-- RECORDS SUPPLIED follows --

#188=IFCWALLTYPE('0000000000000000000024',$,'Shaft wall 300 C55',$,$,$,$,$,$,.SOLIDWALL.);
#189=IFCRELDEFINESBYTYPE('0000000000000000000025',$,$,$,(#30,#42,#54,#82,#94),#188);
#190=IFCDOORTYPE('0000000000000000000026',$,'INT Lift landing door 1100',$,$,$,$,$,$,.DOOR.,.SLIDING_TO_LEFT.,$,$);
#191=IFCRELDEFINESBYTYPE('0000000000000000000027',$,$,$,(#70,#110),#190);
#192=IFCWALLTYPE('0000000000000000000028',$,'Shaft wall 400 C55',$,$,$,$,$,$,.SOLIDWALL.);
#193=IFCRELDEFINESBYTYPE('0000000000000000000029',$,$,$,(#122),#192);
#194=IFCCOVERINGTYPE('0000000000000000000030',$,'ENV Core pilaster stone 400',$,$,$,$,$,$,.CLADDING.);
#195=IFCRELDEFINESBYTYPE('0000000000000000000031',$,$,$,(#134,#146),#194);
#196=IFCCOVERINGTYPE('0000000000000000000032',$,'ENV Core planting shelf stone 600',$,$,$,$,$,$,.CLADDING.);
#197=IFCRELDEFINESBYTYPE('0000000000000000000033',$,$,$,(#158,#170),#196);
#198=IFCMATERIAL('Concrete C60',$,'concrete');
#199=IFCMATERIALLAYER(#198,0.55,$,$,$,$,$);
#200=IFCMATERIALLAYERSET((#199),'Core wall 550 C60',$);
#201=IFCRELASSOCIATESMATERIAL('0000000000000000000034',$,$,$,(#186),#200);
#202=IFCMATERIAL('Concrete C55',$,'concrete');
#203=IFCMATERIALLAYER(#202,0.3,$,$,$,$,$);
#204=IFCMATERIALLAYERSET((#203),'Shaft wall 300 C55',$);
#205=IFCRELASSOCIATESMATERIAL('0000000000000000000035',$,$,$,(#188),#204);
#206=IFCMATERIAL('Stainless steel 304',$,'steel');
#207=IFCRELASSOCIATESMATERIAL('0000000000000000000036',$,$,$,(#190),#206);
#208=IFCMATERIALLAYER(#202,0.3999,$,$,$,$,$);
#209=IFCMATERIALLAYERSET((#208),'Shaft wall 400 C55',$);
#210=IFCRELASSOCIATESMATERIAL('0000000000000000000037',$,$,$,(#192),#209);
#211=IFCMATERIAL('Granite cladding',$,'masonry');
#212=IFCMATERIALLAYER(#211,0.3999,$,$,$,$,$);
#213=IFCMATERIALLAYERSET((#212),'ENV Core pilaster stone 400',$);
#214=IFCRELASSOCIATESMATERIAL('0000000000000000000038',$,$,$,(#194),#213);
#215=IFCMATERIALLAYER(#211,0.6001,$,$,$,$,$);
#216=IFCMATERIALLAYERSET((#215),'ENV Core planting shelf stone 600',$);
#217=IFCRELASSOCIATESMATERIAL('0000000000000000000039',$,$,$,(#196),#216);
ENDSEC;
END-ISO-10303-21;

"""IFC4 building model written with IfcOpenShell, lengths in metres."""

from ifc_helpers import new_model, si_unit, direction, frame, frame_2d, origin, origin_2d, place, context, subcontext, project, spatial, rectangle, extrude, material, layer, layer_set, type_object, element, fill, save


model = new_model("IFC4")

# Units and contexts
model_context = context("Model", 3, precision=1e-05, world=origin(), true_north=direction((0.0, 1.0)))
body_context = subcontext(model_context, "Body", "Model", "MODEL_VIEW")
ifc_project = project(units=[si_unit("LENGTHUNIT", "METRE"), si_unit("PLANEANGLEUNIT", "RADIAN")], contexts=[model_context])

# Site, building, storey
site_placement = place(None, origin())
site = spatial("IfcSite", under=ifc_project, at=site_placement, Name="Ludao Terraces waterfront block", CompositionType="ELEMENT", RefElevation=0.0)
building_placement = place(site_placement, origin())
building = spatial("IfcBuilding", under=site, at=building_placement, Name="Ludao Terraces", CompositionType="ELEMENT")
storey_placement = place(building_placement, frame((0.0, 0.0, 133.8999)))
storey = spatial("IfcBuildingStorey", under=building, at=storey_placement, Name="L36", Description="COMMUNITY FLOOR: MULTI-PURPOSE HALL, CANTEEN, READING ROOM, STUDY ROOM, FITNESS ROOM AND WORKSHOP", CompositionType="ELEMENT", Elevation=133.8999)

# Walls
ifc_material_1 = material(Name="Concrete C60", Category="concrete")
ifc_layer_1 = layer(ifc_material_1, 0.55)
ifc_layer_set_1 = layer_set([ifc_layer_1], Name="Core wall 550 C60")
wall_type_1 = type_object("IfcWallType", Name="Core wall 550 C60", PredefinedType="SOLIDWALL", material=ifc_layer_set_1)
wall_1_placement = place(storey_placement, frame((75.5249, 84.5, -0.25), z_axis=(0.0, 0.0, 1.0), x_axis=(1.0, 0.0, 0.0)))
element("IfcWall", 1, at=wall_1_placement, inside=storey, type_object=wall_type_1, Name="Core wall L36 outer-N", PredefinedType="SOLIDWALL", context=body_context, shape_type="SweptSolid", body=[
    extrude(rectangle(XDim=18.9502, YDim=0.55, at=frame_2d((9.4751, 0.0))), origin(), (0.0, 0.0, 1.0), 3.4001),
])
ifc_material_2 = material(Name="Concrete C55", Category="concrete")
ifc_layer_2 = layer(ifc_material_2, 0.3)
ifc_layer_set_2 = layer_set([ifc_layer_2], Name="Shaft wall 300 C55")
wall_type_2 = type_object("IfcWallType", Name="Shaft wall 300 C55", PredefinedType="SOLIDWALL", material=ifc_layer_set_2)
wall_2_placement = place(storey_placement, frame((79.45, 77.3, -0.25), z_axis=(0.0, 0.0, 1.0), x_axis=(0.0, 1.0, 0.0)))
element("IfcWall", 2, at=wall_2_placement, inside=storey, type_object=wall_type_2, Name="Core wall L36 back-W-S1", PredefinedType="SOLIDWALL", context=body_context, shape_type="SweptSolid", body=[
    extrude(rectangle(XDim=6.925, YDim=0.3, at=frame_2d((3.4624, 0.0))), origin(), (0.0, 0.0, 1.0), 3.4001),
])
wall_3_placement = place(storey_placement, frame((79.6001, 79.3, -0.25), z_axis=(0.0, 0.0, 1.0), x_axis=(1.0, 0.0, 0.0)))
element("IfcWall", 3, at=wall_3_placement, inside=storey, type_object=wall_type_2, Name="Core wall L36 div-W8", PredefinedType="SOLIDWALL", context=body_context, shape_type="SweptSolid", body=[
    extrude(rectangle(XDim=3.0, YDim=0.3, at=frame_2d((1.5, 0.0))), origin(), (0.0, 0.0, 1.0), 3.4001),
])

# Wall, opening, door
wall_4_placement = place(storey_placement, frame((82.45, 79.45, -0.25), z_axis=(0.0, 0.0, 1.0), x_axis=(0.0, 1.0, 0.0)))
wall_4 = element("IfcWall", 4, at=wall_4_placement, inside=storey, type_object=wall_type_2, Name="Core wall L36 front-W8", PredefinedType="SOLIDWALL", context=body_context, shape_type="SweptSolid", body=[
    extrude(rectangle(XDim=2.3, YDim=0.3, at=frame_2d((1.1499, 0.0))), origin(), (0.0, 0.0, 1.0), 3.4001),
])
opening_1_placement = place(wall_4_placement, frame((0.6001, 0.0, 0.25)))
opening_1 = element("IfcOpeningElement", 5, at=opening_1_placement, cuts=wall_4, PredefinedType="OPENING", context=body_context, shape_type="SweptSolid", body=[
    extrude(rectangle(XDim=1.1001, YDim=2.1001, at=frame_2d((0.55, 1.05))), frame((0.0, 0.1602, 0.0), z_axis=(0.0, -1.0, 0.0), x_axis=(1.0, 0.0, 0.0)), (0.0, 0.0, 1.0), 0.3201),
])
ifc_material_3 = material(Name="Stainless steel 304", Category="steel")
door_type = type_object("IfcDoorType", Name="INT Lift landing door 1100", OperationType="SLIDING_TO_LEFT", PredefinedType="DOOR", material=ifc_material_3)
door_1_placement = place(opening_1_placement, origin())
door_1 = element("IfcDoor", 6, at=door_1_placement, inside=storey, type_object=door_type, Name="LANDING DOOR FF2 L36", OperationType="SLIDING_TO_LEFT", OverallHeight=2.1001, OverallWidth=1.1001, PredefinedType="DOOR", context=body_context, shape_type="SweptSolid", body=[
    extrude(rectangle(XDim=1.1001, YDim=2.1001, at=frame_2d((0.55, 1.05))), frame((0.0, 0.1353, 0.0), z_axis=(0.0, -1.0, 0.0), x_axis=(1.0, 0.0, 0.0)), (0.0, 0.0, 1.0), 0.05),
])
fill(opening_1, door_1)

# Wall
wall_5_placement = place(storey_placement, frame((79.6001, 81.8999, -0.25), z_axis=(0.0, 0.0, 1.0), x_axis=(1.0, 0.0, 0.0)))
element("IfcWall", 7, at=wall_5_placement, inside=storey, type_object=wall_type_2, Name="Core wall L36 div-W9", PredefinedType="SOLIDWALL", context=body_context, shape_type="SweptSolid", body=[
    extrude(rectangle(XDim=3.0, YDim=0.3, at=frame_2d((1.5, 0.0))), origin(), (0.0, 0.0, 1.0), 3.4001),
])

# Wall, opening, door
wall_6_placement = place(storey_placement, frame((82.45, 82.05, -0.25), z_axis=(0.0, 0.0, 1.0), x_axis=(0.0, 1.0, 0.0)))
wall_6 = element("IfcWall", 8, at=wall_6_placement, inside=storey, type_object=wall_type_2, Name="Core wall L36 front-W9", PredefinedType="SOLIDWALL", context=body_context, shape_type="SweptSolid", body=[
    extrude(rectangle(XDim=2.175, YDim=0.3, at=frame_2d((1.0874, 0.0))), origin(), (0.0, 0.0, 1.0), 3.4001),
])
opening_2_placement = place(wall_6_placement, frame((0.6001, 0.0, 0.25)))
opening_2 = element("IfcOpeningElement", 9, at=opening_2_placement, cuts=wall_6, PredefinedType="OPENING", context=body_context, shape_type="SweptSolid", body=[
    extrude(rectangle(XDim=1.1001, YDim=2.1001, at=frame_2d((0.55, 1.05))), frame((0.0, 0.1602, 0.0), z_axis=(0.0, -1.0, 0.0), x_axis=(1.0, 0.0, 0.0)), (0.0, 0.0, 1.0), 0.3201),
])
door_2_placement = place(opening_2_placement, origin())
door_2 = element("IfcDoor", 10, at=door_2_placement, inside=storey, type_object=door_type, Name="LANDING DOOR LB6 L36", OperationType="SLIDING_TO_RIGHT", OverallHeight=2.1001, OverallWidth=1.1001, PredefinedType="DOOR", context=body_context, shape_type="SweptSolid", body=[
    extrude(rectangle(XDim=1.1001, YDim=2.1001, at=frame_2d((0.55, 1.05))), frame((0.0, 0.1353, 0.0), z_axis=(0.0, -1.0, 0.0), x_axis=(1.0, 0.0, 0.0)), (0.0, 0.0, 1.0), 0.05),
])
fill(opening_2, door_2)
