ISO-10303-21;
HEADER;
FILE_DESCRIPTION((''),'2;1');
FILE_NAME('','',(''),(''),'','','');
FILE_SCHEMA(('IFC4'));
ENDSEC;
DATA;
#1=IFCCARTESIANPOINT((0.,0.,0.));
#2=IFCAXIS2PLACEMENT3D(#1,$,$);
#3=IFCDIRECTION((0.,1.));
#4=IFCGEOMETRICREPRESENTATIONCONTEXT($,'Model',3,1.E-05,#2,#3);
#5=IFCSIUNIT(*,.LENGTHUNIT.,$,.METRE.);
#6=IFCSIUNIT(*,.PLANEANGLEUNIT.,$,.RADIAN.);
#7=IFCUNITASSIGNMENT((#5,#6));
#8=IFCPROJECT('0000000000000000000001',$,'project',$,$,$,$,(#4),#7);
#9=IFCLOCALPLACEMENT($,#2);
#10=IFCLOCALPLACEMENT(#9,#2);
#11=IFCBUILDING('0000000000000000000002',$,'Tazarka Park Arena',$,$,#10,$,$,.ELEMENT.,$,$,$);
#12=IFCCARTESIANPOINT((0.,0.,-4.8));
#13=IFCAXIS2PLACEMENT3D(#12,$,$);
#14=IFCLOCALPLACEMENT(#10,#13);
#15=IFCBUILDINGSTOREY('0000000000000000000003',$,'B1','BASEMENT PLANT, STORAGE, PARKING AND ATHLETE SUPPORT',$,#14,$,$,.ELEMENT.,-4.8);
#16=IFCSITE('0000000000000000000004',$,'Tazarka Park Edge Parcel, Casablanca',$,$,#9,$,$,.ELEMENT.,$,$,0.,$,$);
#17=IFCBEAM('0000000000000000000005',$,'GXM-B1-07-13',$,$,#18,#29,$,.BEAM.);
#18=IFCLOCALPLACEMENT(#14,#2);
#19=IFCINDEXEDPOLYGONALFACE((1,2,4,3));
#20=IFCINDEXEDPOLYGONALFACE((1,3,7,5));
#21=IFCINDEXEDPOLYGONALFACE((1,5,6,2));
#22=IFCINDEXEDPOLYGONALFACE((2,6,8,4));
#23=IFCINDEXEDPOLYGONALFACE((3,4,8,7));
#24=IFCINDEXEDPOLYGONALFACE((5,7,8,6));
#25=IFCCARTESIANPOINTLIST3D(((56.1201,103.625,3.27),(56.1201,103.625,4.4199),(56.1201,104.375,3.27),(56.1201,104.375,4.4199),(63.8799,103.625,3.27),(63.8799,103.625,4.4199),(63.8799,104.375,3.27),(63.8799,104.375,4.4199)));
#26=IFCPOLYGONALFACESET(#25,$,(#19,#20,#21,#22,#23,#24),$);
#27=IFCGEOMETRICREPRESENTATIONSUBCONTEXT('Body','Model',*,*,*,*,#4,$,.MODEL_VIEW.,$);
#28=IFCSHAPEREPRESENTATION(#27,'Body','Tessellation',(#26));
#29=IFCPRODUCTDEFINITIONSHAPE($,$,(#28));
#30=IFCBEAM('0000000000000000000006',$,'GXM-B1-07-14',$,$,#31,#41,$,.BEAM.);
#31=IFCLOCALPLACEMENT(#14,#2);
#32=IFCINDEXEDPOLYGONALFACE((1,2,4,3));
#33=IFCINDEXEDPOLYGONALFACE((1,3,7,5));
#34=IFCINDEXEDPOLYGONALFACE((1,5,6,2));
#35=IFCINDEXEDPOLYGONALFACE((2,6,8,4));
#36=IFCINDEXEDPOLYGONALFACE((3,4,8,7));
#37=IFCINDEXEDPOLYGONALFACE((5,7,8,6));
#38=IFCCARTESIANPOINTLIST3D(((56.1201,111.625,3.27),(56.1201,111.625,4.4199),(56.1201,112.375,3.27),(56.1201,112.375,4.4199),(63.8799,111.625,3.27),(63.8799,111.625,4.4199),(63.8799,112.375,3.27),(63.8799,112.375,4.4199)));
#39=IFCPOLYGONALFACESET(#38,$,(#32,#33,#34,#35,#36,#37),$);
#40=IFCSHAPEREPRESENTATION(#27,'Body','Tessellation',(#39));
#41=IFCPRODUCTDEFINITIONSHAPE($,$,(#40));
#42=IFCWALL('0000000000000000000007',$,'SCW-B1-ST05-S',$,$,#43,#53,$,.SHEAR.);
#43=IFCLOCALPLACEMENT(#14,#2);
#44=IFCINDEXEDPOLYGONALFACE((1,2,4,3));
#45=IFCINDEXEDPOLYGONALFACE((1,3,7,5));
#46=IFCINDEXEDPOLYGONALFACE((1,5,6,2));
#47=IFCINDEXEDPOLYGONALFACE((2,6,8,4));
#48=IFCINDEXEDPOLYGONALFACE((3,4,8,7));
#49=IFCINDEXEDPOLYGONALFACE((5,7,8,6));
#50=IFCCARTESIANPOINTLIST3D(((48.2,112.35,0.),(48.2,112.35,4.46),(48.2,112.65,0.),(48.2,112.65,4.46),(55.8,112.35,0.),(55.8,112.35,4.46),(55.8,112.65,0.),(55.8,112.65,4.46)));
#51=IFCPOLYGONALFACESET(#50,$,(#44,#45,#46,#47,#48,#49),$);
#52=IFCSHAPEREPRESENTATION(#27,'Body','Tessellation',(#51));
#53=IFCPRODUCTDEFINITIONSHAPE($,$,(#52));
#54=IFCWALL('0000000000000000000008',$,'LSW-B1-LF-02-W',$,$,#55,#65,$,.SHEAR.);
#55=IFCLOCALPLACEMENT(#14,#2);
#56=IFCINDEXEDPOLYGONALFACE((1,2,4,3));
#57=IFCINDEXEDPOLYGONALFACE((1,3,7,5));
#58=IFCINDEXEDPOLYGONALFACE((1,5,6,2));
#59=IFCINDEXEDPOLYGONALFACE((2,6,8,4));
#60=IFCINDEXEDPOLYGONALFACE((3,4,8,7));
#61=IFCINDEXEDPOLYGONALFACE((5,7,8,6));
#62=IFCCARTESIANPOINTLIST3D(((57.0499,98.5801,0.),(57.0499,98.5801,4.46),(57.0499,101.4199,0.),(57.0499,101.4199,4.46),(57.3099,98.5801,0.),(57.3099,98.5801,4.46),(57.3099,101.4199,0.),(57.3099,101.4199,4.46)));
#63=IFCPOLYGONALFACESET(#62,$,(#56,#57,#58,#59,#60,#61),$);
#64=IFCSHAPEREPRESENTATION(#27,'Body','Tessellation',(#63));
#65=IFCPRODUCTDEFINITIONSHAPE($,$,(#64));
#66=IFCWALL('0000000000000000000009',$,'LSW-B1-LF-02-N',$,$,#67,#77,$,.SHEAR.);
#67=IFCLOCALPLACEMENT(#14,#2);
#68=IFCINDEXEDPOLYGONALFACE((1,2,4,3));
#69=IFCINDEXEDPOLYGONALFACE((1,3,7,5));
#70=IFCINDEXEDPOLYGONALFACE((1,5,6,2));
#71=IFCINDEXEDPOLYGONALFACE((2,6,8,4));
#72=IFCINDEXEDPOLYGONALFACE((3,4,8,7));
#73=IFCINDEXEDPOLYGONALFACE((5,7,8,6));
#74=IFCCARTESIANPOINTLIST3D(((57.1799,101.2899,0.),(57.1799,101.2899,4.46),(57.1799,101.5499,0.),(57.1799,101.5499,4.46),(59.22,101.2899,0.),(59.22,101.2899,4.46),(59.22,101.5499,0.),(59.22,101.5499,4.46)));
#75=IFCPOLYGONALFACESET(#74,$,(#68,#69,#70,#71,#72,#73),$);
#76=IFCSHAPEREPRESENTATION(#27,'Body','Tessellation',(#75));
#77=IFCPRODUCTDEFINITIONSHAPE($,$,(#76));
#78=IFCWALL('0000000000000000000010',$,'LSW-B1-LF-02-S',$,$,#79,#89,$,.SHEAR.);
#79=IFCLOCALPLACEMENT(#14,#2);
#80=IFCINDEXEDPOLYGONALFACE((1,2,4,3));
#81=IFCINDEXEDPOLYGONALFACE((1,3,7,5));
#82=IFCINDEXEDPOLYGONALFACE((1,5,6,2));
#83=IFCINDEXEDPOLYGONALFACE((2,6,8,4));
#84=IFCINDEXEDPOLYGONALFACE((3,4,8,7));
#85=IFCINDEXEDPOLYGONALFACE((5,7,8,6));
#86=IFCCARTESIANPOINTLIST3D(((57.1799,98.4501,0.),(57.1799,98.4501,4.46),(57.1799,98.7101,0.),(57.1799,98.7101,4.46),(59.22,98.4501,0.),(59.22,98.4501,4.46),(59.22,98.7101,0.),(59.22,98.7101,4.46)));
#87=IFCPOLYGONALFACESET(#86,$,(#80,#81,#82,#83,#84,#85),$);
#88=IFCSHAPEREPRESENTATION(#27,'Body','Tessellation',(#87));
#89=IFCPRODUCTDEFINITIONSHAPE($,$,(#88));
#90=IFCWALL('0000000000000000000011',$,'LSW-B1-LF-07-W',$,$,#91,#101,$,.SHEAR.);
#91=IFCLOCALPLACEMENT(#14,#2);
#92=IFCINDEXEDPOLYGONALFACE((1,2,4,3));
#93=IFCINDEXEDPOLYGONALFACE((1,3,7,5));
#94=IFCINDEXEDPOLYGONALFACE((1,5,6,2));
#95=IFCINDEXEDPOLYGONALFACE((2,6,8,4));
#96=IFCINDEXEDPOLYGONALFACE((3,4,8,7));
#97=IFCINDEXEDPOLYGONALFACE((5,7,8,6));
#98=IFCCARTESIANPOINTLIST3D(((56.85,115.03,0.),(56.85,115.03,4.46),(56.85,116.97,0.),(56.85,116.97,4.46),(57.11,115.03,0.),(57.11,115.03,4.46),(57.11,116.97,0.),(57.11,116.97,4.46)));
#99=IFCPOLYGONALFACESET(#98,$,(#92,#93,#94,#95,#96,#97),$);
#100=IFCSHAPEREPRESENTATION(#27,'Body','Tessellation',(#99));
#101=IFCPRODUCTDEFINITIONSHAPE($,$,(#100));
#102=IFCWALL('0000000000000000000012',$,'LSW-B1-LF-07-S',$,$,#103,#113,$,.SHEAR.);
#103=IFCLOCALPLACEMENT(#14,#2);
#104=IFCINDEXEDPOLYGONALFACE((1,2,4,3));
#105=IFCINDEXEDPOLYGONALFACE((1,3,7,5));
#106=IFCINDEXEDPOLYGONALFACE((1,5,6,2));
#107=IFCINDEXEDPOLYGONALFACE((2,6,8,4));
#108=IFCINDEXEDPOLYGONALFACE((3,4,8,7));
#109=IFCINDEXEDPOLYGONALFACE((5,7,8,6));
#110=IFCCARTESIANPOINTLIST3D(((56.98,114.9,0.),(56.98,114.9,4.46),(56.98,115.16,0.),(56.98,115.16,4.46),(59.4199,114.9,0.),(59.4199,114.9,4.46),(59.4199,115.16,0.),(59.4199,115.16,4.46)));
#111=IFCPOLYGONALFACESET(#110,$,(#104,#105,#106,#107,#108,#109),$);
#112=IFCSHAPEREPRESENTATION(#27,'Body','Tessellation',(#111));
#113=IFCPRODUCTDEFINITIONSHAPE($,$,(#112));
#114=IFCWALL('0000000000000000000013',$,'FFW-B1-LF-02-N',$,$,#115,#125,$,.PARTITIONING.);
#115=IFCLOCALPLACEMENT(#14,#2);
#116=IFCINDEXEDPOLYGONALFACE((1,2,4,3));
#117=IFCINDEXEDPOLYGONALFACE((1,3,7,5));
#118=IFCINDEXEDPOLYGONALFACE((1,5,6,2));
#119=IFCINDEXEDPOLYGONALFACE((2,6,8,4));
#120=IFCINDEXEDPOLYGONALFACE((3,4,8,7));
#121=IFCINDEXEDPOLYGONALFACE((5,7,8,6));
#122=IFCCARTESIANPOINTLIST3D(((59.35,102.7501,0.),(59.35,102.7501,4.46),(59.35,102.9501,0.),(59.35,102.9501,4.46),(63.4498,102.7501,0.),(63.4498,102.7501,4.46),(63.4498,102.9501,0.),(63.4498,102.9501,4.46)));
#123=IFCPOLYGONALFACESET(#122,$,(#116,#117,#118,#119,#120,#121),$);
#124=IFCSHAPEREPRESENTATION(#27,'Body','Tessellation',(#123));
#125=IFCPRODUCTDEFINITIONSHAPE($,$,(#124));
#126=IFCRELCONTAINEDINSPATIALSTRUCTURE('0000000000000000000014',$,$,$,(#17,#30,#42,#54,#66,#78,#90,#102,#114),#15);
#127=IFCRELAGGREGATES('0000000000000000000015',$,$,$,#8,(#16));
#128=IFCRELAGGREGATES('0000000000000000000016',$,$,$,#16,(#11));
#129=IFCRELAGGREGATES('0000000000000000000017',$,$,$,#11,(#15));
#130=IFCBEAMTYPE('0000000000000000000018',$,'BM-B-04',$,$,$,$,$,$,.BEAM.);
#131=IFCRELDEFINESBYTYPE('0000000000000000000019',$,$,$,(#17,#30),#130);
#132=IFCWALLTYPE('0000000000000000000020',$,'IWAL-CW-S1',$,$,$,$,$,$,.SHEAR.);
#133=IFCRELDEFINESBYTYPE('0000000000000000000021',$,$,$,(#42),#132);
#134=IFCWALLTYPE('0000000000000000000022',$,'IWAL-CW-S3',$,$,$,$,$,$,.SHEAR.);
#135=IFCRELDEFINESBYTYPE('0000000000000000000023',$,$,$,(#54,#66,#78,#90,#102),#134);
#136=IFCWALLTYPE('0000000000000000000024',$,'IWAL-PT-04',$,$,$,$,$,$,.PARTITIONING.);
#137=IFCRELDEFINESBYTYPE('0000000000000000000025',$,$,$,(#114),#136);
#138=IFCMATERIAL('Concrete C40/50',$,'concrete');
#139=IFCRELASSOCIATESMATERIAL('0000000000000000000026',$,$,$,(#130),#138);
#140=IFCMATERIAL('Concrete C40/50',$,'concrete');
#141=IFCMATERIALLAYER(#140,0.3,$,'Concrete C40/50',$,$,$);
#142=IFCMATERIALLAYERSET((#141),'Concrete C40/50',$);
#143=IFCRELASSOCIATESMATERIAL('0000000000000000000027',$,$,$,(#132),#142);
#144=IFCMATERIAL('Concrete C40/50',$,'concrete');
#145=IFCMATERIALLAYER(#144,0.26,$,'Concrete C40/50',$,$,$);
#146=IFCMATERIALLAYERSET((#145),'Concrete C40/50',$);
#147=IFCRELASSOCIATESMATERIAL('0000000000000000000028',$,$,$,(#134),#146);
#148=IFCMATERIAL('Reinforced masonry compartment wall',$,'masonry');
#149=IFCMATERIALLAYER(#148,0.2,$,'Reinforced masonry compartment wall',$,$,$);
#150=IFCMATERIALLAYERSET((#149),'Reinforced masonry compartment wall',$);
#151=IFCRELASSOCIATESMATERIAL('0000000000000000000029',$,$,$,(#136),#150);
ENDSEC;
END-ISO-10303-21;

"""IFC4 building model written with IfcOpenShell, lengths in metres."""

from ifc_helpers import new_model, si_unit, direction, frame, frame_2d, origin, origin_2d, place, context, subcontext, project, spatial, rectangle, extrude, material, layer, layer_set, material_profile, profile_set, type_object, element, save


model = new_model("IFC4")

# Units and contexts
model_context = context("Model", 3, precision=1e-05, world=origin(), true_north=direction((0.0, 1.0)))
body_context = subcontext(model_context, "Body", "Model", "MODEL_VIEW")
ifc_project = project(units=[si_unit("LENGTHUNIT", "METRE"), si_unit("PLANEANGLEUNIT", "RADIAN")], contexts=[model_context])

# Site, building, storey
site_placement = place(None, origin())
site = spatial("IfcSite", under=ifc_project, at=site_placement, Name="Tazarka Park Edge Parcel, Casablanca", CompositionType="ELEMENT", RefElevation=0.0)
building_placement = place(site_placement, origin())
building = spatial("IfcBuilding", under=site, at=building_placement, Name="Tazarka Park Arena", CompositionType="ELEMENT")
storey_placement = place(building_placement, frame((0.0, 0.0, -4.8)))
storey = spatial("IfcBuildingStorey", under=building, at=storey_placement, Name="B1", Description="BASEMENT PLANT, STORAGE, PARKING AND ATHLETE SUPPORT", CompositionType="ELEMENT", Elevation=-4.8)

# Beams
ifc_material_1 = material(Name="Concrete C40/50", Category="concrete")
ifc_material_profile_1 = material_profile(ifc_material_1, rectangle(XDim=0.75, YDim=1.1499, at=origin_2d()), Name="Concrete C40/50")
ifc_profile_set_1 = profile_set([ifc_material_profile_1], Name="Concrete C40/50")
beam_type_1 = type_object("IfcBeamType", Name="BM-B-04", PredefinedType="BEAM", material=ifc_profile_set_1)
for number, where, z_axis, x_axis, name in (
    (1, (56.1201, 104.0, 3.845), (1.0, 0.0, 0.0), (0.0, 1.0, 0.0), "GXM-B1-07-13"),
    (2, (56.1201, 112.0, 3.845), (1.0, 0.0, 0.0), (0.0, 1.0, 0.0), "GXM-B1-07-14"),
):
    element("IfcBeam", number, at=place(storey_placement, frame(where, z_axis=z_axis, x_axis=x_axis)), inside=storey, type_object=beam_type_1, Name=name, PredefinedType="BEAM", context=body_context, shape_type="SweptSolid", body=[
        extrude(rectangle(XDim=0.75, YDim=1.1499, at=origin_2d()), origin(), (0.0, 0.0, 1.0), 7.7598),
    ])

-- RECORDS SUPPLIED concluded --

→ TASK GOAL:
Your answer must be a single number, the count of lines in the data that hold the string "pilaster".

→ TASK SOLUTION:
2